Start of Material for this task

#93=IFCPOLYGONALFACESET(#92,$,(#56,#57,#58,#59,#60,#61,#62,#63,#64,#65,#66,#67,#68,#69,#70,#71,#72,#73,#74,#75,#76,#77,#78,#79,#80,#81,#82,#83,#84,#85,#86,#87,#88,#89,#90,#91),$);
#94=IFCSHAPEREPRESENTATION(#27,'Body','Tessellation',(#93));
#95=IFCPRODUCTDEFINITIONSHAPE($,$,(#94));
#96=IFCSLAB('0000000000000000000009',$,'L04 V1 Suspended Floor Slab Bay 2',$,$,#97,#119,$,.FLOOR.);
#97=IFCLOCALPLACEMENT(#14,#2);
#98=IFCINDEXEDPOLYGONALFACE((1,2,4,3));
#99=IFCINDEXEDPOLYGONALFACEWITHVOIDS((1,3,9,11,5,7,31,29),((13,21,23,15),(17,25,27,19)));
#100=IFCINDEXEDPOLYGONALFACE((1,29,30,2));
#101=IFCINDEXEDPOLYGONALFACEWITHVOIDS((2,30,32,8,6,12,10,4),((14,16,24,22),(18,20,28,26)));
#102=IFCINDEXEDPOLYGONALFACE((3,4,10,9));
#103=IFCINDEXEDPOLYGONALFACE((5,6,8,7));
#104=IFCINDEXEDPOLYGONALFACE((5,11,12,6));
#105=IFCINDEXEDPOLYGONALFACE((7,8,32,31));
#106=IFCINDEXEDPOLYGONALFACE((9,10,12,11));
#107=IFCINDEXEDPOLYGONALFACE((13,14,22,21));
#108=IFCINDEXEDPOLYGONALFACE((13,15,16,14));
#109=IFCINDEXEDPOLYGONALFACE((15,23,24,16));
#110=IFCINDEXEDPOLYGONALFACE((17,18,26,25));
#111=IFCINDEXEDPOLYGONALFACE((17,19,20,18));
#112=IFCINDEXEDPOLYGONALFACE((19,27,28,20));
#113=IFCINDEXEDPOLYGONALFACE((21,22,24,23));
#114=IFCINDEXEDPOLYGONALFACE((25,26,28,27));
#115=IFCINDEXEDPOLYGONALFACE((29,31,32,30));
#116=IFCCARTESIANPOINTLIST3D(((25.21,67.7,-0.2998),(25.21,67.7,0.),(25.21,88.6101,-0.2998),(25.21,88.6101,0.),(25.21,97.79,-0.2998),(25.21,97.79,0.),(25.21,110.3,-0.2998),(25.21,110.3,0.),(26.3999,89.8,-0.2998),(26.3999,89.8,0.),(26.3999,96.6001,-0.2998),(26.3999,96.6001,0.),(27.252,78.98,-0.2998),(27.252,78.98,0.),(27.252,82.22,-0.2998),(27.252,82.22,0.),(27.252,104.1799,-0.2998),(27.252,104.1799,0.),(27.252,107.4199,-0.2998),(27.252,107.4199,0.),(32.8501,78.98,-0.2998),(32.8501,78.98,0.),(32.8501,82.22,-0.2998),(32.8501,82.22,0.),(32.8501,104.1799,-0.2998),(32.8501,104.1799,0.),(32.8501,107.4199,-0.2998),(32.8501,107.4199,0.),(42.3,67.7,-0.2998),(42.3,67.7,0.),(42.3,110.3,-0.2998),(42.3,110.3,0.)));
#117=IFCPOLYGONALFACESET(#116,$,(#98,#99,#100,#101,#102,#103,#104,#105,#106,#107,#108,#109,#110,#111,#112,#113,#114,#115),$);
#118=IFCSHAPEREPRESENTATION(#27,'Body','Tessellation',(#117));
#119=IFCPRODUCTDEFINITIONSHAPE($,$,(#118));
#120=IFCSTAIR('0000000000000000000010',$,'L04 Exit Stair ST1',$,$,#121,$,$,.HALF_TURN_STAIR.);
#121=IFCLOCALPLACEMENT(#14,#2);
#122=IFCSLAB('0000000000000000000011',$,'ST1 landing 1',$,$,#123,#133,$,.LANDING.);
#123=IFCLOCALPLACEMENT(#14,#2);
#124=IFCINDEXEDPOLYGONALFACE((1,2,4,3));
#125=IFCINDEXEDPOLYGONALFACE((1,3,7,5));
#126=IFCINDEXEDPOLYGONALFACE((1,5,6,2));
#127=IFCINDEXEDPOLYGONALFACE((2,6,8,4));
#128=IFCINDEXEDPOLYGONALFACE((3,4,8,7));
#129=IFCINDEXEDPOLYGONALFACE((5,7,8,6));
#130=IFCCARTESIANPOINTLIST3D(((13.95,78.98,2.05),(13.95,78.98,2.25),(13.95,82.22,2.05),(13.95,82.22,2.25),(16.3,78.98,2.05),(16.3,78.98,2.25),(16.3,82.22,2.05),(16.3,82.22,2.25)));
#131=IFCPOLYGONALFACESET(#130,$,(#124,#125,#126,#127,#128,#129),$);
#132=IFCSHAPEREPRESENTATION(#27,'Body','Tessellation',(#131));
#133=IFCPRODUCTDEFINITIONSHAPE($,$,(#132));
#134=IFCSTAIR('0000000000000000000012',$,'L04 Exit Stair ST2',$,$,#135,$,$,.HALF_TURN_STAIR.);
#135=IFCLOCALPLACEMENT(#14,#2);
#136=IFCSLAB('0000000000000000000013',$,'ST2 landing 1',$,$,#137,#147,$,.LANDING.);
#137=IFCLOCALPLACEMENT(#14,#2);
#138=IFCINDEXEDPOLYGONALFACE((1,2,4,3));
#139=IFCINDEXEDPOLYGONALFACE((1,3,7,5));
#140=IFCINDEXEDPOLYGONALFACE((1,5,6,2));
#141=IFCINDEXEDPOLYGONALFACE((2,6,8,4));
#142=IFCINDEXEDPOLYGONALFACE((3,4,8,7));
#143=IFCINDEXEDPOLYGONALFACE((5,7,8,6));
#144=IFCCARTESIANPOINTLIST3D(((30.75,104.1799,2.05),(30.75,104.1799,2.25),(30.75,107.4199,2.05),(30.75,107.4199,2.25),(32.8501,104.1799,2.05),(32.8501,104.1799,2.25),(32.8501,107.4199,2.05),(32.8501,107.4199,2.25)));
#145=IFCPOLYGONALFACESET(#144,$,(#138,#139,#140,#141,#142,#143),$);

End of Material for this task

Work task: Wherever the word "Body" turns up in the material, copy the whole line.

Written solution:
#94=IFCSHAPEREPRESENTATION(#27,'Body','Tessellation',(#93));
#118=IFCSHAPEREPRESENTATION(#27,'Body','Tessellation',(#117));
#132=IFCSHAPEREPRESENTATION(#27,'Body','Tessellation',(#131));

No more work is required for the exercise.